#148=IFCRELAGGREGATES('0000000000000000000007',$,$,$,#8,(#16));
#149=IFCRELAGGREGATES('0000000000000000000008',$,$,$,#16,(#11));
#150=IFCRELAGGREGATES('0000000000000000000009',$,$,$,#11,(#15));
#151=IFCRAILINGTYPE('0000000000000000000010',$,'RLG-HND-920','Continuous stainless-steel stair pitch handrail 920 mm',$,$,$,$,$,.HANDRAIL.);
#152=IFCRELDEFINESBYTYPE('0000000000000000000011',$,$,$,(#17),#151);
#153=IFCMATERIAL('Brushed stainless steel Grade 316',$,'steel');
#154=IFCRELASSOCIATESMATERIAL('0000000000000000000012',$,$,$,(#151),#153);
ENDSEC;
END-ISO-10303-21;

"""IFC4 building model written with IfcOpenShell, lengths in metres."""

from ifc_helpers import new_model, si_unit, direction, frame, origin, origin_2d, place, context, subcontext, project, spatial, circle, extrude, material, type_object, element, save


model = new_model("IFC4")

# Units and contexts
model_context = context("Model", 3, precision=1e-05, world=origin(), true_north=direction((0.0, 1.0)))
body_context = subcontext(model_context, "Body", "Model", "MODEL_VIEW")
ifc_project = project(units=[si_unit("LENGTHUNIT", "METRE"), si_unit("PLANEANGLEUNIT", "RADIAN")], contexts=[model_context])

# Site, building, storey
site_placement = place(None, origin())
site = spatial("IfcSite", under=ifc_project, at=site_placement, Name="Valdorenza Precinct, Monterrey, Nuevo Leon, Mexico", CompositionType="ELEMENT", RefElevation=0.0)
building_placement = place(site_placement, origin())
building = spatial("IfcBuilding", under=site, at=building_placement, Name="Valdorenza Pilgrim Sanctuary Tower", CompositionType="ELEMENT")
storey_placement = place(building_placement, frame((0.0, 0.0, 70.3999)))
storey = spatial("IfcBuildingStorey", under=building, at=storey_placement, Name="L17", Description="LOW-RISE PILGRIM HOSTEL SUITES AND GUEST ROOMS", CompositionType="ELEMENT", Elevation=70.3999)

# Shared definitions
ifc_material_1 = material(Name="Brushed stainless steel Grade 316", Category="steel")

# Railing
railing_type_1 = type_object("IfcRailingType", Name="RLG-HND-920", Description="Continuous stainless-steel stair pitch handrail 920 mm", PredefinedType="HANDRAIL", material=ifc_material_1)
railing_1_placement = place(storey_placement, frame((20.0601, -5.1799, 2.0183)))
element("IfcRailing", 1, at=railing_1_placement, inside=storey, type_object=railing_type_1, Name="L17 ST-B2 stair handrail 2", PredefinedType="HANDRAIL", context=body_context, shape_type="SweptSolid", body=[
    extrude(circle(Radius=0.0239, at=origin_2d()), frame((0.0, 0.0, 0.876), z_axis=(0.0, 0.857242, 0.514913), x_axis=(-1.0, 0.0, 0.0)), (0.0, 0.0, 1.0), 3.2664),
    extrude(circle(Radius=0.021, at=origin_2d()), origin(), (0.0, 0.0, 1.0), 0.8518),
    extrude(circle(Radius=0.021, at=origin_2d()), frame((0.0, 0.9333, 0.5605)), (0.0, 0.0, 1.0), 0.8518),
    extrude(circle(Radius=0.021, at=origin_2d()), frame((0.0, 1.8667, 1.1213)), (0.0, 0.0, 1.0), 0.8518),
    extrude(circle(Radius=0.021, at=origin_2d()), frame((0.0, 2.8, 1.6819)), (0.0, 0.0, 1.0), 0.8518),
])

■ ■ ■ ■

**Your task**
What are the lines, exactly as written above, from the line with "site_placement = place(None, origin())" to the line with "frame((20.0601, -5.1799, 2.0183)))", both included? Output only those.

**Reply to the task**
site_placement = place(None, origin())
site = spatial("IfcSite", under=ifc_project, at=site_placement, Name="Valdorenza Precinct, Monterrey, Nuevo Leon, Mexico", CompositionType="ELEMENT", RefElevation=0.0)
building_placement = place(site_placement, origin())
building = spatial("IfcBuilding", under=site, at=building_placement, Name="Valdorenza Pilgrim Sanctuary Tower", CompositionType="ELEMENT")
storey_placement = place(building_placement, frame((0.0, 0.0, 70.3999)))
storey = spatial("IfcBuildingStorey", under=building, at=storey_placement, Name="L17", Description="LOW-RISE PILGRIM HOSTEL SUITES AND GUEST ROOMS", CompositionType="ELEMENT", Elevation=70.3999)

# Shared definitions
ifc_material_1 = material(Name="Brushed stainless steel Grade 316", Category="steel")

# Railing
railing_type_1 = type_object("IfcRailingType", Name="RLG-HND-920", Description="Continuous stainless-steel stair pitch handrail 920 mm", PredefinedType="HANDRAIL", material=ifc_material_1)
railing_1_placement = place(storey_placement, frame((20.0601, -5.1799, 2.0183)))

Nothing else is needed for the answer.